◆ Problem: Among the entries below, one line contains "#147=IFCINDEXEDPOLYGONALFACE((1,2,4,3));" and another contains "#5=IFCSIUNIT(*,.LENGTHUNIT.,$,.METRE.);". Transcribe those two lines and every line between them, exactly.

[Dataset]

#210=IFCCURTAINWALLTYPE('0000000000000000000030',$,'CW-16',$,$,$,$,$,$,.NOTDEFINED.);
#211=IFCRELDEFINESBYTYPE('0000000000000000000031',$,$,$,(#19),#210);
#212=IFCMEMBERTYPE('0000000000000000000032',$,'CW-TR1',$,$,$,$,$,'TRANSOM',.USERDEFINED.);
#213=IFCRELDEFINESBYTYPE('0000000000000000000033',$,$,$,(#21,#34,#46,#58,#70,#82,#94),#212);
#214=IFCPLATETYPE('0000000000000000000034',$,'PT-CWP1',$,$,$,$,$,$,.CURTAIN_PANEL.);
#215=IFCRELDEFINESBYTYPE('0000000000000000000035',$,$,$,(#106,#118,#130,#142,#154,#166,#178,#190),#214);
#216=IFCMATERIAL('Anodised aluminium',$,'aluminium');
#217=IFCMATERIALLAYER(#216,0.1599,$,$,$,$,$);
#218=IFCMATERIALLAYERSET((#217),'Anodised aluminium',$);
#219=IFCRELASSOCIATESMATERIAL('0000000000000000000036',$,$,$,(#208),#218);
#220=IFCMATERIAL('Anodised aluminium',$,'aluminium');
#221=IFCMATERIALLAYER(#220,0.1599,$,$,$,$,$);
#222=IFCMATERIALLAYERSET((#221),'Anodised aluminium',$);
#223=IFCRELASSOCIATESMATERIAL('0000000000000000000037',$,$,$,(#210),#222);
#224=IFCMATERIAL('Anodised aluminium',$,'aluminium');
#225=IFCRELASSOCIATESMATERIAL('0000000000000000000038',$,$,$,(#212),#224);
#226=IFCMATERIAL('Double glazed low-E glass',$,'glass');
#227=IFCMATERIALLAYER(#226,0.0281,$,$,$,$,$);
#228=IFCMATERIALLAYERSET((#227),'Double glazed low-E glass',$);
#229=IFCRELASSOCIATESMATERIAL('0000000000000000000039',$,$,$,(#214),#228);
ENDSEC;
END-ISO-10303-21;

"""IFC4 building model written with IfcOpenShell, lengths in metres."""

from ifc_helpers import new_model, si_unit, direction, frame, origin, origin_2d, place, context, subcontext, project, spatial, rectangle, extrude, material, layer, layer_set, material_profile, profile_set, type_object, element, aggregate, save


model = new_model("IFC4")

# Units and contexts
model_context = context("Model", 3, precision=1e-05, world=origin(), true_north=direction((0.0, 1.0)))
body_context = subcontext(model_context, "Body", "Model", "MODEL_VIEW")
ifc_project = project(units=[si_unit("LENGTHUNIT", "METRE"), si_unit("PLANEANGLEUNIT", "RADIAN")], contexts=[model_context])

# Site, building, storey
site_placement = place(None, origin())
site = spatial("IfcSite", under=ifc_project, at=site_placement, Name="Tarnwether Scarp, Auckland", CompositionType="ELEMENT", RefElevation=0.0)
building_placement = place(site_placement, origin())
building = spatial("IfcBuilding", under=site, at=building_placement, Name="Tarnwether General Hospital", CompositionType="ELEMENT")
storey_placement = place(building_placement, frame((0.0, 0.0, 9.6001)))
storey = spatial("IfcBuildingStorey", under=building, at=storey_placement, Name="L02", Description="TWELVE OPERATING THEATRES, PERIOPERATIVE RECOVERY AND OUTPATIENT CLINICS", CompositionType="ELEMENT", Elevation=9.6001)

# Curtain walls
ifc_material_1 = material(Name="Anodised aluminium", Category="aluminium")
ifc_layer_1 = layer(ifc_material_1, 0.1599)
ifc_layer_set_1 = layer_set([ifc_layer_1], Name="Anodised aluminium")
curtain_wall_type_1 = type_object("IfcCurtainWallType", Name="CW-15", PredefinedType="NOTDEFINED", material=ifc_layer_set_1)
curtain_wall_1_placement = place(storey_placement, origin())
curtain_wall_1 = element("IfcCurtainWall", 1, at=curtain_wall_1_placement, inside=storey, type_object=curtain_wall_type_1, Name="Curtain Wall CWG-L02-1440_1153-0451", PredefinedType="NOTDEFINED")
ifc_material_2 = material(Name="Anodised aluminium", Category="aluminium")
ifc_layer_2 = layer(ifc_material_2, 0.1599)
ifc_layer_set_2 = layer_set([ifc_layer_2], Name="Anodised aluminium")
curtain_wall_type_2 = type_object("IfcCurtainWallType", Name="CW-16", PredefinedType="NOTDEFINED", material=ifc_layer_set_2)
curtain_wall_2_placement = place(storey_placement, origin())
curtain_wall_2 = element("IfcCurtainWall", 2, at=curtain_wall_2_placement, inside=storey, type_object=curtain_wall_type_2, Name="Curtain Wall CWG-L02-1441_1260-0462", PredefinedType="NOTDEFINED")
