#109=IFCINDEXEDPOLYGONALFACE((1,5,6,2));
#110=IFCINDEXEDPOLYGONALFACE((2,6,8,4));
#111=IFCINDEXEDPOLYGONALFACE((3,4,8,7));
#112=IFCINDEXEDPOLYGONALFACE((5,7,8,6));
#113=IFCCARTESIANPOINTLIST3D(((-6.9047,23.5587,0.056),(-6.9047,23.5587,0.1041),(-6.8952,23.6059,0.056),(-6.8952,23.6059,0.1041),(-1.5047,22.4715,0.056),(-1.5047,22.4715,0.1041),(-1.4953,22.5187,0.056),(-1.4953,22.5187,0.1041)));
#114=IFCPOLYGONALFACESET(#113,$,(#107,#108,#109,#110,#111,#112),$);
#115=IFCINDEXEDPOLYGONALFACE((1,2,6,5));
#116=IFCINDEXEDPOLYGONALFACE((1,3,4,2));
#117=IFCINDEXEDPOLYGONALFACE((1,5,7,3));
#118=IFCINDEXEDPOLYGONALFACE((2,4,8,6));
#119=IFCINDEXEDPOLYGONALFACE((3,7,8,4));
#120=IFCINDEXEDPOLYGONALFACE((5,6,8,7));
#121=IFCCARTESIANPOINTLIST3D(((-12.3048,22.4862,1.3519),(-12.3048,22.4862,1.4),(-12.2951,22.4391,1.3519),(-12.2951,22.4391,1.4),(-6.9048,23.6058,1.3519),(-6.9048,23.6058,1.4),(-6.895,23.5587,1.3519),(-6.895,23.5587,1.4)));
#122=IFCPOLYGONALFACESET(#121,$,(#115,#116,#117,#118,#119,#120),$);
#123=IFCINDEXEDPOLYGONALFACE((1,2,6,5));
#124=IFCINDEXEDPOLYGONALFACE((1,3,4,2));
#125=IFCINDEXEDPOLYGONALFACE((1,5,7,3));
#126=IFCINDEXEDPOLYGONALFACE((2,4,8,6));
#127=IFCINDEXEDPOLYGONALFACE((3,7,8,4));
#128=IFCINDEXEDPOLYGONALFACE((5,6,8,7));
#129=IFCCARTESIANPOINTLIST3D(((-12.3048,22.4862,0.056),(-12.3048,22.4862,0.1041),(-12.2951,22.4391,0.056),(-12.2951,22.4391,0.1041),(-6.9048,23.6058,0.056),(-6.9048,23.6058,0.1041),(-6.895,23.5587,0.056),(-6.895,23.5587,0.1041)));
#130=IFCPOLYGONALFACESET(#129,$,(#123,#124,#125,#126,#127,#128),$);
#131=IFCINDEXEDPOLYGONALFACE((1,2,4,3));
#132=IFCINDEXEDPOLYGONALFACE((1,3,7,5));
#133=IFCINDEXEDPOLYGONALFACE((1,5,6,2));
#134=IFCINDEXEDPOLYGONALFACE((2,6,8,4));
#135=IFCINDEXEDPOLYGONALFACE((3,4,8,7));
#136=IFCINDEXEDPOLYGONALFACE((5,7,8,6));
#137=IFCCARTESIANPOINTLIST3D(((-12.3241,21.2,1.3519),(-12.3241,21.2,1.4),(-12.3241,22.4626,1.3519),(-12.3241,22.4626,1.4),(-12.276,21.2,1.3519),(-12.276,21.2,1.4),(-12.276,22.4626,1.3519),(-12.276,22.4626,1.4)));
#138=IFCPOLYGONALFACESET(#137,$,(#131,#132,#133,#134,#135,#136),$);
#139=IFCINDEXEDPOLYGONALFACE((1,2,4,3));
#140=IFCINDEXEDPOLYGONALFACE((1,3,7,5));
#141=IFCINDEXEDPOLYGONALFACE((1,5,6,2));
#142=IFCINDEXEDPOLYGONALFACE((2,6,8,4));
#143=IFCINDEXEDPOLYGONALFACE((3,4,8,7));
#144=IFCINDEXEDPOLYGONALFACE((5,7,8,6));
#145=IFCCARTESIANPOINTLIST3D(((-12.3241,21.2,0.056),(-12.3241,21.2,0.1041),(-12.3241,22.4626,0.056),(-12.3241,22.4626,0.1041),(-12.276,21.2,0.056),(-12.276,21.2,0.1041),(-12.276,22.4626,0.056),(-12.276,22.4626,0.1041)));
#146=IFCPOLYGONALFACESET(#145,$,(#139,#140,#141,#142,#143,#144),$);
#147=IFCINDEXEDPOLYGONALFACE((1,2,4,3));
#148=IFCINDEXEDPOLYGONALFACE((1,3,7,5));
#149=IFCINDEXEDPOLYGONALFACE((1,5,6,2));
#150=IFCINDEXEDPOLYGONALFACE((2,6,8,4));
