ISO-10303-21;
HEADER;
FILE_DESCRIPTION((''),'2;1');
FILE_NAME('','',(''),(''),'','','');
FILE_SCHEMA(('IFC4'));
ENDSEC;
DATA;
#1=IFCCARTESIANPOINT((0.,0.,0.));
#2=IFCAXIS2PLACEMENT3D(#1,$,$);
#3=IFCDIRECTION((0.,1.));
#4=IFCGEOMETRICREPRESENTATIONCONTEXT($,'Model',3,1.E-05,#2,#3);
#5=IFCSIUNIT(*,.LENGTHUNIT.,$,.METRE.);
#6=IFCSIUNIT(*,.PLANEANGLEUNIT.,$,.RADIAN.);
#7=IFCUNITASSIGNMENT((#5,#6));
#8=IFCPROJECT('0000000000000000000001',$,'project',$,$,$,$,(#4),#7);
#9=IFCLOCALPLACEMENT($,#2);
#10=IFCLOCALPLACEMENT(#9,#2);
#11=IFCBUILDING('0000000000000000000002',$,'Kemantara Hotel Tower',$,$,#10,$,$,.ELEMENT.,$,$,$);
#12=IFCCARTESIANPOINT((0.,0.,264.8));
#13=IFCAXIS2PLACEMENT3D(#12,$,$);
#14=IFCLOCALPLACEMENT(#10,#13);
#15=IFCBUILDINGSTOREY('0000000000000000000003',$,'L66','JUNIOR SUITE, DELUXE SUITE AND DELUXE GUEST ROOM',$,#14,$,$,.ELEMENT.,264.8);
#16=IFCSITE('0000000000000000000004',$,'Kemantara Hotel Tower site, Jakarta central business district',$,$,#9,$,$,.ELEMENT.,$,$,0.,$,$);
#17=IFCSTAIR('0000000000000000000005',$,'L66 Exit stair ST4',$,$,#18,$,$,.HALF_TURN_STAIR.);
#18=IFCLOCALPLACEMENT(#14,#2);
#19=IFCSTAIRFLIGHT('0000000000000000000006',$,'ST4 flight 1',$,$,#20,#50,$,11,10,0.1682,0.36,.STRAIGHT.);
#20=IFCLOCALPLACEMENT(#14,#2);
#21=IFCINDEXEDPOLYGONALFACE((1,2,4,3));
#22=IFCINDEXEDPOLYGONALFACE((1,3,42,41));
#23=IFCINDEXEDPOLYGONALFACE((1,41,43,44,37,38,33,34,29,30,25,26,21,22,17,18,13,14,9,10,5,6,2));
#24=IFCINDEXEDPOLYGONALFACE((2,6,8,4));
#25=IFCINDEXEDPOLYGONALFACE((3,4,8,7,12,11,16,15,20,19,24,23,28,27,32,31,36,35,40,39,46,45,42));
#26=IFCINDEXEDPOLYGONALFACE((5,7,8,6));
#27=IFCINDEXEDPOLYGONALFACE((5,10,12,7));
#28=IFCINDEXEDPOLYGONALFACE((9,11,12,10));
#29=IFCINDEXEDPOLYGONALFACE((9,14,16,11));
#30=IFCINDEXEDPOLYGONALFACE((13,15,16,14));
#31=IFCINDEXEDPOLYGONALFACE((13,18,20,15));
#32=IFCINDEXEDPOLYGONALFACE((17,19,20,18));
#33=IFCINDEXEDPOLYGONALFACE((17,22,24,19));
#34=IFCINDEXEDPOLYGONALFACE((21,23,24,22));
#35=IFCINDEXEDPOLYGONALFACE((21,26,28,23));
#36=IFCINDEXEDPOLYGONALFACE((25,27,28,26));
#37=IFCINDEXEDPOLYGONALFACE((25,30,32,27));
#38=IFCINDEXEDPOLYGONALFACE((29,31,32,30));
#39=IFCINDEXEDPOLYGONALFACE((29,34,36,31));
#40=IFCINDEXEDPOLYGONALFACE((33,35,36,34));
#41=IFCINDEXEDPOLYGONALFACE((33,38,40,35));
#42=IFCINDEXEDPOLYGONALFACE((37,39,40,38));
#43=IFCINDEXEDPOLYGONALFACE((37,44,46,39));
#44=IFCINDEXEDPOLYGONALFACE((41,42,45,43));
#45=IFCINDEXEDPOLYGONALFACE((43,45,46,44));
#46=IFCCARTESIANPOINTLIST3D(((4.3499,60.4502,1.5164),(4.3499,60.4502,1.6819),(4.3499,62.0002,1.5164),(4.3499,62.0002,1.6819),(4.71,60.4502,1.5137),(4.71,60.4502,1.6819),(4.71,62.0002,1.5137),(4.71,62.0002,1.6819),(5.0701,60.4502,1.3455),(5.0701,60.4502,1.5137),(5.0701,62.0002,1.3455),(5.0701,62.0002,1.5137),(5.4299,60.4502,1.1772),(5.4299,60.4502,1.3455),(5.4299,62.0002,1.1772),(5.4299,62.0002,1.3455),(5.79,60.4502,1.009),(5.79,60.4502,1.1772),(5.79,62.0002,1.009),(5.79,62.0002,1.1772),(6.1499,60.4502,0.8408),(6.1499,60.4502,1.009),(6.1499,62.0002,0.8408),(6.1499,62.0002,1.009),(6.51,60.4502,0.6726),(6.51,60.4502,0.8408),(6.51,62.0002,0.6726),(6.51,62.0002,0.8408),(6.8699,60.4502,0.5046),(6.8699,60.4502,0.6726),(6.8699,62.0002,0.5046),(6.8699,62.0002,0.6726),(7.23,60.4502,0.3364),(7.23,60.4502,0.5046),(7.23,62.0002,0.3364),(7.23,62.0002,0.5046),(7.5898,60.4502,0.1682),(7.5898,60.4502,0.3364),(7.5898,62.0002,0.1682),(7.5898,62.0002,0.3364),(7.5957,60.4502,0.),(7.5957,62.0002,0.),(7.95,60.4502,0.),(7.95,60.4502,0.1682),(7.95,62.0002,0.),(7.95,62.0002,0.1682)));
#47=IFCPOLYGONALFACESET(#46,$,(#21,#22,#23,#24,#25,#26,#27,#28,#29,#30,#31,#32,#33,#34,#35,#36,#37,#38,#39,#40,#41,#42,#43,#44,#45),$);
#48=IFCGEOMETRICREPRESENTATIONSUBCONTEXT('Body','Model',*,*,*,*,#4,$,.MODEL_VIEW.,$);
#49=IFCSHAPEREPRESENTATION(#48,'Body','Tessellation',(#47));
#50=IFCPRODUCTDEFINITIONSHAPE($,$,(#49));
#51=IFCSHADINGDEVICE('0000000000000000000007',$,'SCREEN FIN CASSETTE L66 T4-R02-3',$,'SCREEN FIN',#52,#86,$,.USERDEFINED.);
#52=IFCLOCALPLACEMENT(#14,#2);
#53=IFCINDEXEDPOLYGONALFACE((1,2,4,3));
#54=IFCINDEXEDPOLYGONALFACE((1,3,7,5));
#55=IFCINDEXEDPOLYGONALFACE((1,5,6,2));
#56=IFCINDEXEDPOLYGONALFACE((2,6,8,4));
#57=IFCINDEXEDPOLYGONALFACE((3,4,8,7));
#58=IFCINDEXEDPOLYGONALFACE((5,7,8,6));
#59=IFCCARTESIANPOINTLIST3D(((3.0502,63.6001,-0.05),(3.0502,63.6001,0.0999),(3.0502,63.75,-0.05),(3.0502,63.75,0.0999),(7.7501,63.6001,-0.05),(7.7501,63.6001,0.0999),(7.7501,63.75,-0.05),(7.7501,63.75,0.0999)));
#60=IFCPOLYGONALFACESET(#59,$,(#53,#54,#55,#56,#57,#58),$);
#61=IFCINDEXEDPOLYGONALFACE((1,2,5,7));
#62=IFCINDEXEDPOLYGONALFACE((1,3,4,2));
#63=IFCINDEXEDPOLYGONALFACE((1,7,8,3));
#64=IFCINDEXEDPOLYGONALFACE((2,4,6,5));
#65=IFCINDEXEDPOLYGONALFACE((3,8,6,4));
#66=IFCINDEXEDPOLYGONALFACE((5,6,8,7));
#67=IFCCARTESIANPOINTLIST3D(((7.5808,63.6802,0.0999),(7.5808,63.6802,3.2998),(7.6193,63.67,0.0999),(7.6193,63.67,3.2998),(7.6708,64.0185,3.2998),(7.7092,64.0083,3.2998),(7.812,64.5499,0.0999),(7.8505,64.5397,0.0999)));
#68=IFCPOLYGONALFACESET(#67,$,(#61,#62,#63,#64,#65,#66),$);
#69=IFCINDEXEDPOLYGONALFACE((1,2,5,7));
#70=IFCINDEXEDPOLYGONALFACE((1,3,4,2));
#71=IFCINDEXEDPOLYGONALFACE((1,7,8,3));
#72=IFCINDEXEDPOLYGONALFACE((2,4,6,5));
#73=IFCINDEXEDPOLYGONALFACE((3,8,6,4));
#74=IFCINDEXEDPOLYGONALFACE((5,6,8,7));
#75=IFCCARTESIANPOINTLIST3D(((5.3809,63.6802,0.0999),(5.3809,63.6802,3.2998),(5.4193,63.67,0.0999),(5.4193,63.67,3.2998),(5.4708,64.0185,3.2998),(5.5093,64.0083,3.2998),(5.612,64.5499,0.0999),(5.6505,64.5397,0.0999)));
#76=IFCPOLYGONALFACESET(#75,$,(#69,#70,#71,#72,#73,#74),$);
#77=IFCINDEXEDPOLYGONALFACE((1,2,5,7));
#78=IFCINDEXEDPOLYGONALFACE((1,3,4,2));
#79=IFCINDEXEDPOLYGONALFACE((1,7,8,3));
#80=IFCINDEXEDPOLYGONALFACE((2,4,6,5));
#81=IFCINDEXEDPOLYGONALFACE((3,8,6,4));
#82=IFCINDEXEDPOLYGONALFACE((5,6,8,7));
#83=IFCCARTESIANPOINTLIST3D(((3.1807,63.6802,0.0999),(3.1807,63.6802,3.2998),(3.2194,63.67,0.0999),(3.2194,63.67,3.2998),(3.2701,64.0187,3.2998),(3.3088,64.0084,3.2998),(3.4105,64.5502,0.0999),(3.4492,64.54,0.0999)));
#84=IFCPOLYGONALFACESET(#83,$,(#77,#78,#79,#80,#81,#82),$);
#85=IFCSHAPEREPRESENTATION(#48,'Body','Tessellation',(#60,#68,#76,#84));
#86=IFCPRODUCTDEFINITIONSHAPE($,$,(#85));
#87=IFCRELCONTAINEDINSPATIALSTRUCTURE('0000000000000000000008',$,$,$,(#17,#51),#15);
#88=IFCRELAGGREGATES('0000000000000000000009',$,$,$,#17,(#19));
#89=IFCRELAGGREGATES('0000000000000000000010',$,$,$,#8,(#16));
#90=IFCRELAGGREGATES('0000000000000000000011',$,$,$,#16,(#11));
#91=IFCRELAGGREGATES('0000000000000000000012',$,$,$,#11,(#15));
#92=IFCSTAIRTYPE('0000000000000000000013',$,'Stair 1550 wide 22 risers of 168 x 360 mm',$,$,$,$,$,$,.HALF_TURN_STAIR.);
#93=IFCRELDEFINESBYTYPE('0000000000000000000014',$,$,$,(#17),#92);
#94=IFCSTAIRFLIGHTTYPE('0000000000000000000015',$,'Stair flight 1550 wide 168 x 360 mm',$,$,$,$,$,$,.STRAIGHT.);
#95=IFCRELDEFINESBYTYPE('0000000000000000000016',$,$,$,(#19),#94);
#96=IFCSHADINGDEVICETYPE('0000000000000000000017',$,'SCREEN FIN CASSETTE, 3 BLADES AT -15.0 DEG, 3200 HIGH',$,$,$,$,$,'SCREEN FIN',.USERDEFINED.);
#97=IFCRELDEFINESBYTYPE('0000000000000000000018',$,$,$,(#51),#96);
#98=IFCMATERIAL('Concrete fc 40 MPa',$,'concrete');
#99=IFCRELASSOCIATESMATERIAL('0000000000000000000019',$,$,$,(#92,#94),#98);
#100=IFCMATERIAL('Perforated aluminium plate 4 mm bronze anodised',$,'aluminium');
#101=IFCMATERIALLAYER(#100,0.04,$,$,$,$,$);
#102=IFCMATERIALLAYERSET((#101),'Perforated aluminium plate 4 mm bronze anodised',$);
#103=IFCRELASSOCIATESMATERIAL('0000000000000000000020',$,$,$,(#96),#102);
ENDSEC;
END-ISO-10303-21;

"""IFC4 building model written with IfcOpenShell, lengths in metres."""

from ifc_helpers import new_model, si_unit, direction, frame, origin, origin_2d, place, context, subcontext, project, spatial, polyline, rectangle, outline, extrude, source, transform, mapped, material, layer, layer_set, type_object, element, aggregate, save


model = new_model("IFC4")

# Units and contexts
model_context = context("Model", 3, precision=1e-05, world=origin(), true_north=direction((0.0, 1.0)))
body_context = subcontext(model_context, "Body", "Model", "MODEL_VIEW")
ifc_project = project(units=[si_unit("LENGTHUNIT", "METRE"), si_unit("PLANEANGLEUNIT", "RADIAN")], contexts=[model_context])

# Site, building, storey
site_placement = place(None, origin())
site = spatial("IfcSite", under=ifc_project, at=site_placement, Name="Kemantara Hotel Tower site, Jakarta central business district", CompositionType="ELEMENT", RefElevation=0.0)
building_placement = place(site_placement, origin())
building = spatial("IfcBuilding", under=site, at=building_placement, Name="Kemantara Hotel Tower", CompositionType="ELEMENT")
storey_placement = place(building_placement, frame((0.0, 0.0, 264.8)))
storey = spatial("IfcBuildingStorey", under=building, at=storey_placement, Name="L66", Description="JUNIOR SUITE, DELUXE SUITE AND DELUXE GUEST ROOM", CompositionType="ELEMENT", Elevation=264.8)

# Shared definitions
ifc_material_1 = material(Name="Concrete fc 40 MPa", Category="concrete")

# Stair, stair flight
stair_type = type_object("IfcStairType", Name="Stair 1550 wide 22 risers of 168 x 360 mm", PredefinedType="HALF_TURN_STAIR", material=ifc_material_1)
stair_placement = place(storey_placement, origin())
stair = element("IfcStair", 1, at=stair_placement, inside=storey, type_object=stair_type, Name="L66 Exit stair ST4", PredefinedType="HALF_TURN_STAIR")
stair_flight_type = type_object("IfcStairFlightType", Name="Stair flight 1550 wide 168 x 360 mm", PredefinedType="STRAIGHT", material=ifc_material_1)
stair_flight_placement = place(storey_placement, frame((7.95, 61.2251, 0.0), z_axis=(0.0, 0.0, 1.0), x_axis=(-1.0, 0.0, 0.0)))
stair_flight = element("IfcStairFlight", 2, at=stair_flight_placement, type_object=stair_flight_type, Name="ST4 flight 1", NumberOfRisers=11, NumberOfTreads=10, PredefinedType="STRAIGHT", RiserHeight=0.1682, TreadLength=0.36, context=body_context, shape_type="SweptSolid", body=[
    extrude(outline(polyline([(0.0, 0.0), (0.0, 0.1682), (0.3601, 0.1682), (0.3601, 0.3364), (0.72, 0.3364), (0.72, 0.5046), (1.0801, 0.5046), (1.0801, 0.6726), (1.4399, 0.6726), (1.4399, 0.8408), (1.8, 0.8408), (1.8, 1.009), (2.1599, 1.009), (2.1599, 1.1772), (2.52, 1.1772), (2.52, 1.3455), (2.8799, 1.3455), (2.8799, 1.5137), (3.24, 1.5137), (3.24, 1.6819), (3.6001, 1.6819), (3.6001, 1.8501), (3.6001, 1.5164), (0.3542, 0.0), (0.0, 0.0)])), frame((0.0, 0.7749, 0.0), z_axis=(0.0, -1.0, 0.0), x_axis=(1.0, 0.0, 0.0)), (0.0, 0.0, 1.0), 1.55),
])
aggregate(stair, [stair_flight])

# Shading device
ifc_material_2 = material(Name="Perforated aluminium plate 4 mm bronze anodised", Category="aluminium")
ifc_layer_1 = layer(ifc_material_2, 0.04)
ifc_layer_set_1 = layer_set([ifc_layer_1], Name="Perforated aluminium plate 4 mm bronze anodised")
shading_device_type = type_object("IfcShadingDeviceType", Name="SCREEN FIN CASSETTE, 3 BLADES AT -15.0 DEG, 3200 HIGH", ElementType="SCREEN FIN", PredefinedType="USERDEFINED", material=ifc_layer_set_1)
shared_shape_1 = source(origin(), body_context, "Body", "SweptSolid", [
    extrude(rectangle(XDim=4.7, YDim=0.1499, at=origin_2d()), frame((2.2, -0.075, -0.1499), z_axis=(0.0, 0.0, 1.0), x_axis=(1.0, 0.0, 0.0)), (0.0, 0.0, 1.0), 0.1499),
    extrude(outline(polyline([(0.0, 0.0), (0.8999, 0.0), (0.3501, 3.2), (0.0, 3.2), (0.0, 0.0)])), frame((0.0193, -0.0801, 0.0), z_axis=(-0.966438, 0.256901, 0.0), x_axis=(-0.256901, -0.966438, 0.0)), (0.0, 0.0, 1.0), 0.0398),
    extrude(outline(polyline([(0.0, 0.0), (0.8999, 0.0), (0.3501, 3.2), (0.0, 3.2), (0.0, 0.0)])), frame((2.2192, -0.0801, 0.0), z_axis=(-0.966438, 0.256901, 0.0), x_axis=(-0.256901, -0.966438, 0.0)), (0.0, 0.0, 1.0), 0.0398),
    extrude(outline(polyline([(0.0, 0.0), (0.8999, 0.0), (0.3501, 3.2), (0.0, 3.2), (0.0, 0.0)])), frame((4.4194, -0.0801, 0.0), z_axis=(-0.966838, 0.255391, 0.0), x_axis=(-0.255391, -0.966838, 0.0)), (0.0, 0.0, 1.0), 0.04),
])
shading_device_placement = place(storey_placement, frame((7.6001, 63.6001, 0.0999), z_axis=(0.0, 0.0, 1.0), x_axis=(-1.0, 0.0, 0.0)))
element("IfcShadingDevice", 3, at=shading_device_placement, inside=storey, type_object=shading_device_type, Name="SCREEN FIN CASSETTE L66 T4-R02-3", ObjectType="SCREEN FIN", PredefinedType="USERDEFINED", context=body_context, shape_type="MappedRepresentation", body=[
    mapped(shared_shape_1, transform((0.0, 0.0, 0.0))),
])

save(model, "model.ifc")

[/Dataset]

◆ Written solution:
#147=IFCINDEXEDPOLYGONALFACE((1,2,4,3));
#148=IFCINDEXEDPOLYGONALFACE((1,3,7,5));
#149=IFCINDEXEDPOLYGONALFACE((1,5,6,2));
#150=IFCINDEXEDPOLYGONALFACE((2,6,8,4));
ISO-10303-21;
HEADER;
FILE_DESCRIPTION((''),'2;1');
FILE_NAME('','',(''),(''),'','','');
FILE_SCHEMA(('IFC4'));
ENDSEC;
DATA;
#1=IFCCARTESIANPOINT((0.,0.,0.));
#2=IFCAXIS2PLACEMENT3D(#1,$,$);
#3=IFCDIRECTION((0.,1.));
#4=IFCGEOMETRICREPRESENTATIONCONTEXT($,'Model',3,1.E-05,#2,#3);
#5=IFCSIUNIT(*,.LENGTHUNIT.,$,.METRE.);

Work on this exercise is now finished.